## [Provided records]
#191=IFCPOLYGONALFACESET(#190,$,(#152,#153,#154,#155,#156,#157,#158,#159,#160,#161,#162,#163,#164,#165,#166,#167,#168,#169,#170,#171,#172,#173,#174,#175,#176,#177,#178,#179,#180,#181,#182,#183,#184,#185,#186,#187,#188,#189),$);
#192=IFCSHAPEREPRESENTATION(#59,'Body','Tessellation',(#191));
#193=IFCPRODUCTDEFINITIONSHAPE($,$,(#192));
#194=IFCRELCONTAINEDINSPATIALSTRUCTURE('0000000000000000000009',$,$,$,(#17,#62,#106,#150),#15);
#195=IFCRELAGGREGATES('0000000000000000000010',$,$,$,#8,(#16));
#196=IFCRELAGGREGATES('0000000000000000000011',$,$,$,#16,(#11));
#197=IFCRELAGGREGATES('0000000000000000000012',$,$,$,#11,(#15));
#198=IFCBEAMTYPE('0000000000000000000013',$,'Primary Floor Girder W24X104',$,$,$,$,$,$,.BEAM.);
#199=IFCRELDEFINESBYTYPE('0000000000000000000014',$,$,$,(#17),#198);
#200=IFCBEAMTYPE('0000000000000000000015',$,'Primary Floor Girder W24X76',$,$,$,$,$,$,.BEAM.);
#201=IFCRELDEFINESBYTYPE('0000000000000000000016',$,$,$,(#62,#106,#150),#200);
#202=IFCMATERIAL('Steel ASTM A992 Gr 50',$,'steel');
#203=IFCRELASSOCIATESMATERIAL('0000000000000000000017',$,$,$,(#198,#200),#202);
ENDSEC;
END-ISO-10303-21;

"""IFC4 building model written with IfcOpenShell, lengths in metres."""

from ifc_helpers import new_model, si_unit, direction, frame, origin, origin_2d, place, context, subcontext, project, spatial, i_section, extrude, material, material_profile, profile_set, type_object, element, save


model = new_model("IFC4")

---

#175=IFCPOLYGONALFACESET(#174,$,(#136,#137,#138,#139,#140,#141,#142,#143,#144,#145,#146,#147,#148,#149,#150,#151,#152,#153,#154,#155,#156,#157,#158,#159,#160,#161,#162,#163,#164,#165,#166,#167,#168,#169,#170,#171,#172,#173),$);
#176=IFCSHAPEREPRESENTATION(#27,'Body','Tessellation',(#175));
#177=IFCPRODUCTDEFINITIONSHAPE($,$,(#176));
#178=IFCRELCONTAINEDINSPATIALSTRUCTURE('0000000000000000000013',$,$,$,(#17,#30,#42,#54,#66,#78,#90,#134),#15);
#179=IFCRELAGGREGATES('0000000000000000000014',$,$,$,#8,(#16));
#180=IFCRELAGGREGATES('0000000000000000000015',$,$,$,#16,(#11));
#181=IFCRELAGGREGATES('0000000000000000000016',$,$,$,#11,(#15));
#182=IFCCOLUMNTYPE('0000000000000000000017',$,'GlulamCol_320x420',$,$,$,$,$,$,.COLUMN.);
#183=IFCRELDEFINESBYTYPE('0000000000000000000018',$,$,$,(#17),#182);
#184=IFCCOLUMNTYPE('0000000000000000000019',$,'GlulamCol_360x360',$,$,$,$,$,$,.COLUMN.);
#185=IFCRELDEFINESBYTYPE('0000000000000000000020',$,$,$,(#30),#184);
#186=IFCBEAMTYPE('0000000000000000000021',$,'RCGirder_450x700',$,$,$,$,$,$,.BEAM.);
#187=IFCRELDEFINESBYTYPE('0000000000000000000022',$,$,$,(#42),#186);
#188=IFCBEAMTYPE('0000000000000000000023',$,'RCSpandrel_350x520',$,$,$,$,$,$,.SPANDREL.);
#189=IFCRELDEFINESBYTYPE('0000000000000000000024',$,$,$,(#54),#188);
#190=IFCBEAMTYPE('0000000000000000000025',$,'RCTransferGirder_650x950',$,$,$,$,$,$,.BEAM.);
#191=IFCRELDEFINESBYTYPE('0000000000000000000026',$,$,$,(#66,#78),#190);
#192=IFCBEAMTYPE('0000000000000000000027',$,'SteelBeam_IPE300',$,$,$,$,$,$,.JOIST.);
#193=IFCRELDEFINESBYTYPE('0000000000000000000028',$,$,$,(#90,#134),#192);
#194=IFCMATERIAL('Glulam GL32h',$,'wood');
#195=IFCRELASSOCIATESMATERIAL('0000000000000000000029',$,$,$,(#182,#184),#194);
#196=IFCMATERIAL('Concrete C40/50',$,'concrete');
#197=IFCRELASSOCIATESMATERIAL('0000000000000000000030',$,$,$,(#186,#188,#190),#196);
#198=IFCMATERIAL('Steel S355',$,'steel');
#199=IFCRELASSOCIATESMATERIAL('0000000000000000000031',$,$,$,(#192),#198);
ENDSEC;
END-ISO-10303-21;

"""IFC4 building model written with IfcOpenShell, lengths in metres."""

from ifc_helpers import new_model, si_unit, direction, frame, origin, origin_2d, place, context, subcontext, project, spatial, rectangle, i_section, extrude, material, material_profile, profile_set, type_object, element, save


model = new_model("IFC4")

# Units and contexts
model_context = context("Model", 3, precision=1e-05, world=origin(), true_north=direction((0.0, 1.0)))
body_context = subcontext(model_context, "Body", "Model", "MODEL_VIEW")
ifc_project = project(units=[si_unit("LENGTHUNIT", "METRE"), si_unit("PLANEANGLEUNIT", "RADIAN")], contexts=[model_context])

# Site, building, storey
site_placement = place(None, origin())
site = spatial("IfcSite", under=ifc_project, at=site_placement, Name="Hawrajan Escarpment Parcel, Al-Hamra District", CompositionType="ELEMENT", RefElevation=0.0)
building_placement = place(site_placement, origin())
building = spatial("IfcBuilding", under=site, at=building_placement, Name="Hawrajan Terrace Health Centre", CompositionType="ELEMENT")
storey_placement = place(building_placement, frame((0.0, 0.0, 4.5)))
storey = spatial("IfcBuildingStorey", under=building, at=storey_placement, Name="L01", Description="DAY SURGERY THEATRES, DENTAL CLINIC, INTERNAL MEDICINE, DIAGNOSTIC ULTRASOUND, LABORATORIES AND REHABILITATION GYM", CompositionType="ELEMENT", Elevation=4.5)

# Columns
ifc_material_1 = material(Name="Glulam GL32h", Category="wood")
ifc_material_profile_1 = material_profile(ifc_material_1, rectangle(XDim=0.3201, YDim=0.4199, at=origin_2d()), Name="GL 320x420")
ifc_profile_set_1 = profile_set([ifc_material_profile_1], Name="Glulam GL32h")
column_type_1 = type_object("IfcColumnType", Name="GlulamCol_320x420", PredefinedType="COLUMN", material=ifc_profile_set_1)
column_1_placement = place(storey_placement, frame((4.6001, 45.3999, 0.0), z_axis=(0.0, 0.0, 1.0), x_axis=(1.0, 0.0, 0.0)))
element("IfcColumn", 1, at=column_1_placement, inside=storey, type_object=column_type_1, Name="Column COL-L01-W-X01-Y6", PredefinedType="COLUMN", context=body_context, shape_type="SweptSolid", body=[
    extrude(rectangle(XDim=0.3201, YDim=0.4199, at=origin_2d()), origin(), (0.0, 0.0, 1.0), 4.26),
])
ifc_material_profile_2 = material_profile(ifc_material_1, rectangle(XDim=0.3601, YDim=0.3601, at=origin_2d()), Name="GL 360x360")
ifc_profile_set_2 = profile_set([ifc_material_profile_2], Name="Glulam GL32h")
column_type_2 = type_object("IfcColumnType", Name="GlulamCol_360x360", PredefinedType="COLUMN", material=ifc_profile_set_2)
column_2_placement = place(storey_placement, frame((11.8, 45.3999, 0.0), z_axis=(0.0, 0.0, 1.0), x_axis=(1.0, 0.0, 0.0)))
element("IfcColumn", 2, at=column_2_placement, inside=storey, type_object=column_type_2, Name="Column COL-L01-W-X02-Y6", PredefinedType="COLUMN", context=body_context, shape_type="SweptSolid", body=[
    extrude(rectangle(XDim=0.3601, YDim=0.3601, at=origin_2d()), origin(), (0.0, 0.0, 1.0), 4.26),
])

* * *

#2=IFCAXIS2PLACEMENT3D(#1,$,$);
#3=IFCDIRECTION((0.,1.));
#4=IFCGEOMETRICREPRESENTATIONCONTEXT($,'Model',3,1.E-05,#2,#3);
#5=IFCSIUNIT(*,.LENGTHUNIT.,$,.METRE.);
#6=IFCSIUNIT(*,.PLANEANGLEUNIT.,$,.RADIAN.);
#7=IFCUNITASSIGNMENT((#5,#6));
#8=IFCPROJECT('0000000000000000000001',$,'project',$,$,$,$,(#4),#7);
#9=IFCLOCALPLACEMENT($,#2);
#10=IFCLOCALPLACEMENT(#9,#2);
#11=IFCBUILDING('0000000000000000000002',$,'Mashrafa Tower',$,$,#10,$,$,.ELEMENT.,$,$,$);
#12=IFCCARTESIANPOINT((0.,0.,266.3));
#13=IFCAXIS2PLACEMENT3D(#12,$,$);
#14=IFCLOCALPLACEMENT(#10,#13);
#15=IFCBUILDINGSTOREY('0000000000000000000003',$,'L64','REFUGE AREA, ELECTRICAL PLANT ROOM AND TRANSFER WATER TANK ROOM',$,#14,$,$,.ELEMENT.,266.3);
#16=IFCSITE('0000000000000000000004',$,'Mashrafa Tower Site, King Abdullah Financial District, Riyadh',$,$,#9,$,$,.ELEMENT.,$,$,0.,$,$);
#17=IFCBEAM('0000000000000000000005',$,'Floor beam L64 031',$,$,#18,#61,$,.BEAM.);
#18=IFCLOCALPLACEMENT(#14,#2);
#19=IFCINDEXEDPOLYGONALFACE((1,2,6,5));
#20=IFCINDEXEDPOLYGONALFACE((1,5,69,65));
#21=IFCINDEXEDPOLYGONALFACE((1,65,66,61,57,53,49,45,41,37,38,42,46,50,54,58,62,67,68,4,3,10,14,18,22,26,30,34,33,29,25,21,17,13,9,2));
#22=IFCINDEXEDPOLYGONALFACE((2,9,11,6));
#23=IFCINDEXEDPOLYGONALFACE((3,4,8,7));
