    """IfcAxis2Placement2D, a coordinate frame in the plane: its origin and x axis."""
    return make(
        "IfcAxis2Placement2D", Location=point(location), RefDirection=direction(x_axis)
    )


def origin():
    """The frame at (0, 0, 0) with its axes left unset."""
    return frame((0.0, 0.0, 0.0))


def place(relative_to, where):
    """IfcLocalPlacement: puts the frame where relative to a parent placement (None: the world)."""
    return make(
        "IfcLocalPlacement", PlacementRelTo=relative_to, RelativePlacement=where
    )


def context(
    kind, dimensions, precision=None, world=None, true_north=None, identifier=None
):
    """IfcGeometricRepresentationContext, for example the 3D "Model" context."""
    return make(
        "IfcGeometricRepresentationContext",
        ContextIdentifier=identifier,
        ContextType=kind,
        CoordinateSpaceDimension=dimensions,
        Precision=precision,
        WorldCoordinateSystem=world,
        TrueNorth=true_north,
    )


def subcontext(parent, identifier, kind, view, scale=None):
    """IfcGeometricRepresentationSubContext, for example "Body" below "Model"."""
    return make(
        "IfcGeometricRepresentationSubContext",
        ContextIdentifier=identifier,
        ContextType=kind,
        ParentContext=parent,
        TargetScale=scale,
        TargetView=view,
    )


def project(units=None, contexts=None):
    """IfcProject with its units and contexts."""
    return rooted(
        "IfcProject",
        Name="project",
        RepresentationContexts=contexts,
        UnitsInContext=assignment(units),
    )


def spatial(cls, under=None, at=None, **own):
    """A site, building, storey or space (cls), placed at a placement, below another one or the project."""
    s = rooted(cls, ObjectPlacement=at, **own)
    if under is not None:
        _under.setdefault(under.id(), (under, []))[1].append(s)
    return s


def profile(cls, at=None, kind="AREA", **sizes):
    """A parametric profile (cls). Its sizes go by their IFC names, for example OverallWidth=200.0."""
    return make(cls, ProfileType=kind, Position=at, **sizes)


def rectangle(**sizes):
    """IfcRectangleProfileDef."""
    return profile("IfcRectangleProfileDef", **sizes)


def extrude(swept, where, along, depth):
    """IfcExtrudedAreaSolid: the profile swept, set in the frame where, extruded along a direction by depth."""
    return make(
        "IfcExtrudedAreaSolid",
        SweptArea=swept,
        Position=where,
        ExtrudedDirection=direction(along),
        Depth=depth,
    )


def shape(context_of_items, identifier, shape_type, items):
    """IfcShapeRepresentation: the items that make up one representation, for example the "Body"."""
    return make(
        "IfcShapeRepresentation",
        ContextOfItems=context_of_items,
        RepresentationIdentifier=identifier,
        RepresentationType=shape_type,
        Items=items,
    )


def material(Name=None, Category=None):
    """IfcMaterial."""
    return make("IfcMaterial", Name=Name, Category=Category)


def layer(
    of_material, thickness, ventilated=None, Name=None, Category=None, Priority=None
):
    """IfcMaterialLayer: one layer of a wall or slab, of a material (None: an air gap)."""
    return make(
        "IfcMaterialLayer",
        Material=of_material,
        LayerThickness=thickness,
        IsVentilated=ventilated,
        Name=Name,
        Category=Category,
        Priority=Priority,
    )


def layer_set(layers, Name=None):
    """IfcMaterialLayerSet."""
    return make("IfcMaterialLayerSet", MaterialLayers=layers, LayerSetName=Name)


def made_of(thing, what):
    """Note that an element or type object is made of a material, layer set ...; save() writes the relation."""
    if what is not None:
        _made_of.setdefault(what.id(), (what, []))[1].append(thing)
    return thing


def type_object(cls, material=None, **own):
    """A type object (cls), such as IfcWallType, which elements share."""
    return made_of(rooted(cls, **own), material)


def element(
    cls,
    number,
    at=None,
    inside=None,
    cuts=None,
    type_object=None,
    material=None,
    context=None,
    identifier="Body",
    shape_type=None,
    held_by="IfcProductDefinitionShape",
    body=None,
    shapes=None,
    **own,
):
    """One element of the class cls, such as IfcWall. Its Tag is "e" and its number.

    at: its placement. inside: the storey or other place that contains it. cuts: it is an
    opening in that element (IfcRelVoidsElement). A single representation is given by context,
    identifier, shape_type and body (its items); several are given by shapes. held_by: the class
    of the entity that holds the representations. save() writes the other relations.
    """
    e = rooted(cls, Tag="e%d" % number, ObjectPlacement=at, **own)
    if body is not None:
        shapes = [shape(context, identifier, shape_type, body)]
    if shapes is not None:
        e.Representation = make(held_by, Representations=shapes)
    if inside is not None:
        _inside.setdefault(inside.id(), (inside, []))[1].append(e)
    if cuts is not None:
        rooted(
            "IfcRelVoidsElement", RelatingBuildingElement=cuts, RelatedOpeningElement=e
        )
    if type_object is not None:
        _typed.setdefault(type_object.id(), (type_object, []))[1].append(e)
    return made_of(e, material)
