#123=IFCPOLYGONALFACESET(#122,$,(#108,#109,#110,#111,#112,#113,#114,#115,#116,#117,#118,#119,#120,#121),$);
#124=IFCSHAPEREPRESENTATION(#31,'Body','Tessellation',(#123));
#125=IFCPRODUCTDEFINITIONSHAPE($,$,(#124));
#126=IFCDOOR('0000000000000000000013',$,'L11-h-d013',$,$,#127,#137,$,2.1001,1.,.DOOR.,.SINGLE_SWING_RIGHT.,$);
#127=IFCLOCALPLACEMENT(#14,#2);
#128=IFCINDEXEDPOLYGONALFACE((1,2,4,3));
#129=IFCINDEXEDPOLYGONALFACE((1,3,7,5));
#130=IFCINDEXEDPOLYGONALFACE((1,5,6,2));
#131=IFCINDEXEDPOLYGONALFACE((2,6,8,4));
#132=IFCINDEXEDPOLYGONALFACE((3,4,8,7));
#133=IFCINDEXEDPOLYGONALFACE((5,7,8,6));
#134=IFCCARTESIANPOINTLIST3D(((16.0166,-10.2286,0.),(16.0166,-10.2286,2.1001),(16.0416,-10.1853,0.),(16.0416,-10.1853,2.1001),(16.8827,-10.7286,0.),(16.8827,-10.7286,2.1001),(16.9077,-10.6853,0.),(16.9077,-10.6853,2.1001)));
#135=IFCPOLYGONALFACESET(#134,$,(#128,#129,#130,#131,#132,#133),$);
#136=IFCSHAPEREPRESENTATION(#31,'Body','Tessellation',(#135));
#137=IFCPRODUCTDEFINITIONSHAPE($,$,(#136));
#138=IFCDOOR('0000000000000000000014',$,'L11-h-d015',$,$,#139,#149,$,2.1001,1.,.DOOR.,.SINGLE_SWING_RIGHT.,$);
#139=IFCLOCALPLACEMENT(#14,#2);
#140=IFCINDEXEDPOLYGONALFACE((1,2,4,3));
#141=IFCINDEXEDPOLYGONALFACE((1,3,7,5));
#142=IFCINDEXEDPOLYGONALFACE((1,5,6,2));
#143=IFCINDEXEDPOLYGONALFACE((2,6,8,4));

## [Description of the task]
Repeat word for word the lines above that run from the line containing "# Site, building, storey" through the line containing "frame((0.0, 0.0, 4.5)))", both ends included, and nothing else.

## [Expected answer]
# Site, building, storey
site_placement = place(None, origin())
site = spatial("IfcSite", under=ifc_project, at=site_placement, Name="Hawrajan Escarpment Parcel, Al-Hamra District", CompositionType="ELEMENT", RefElevation=0.0)
building_placement = place(site_placement, origin())
building = spatial("IfcBuilding", under=site, at=building_placement, Name="Hawrajan Terrace Health Centre", CompositionType="ELEMENT")
storey_placement = place(building_placement, frame((0.0, 0.0, 4.5)))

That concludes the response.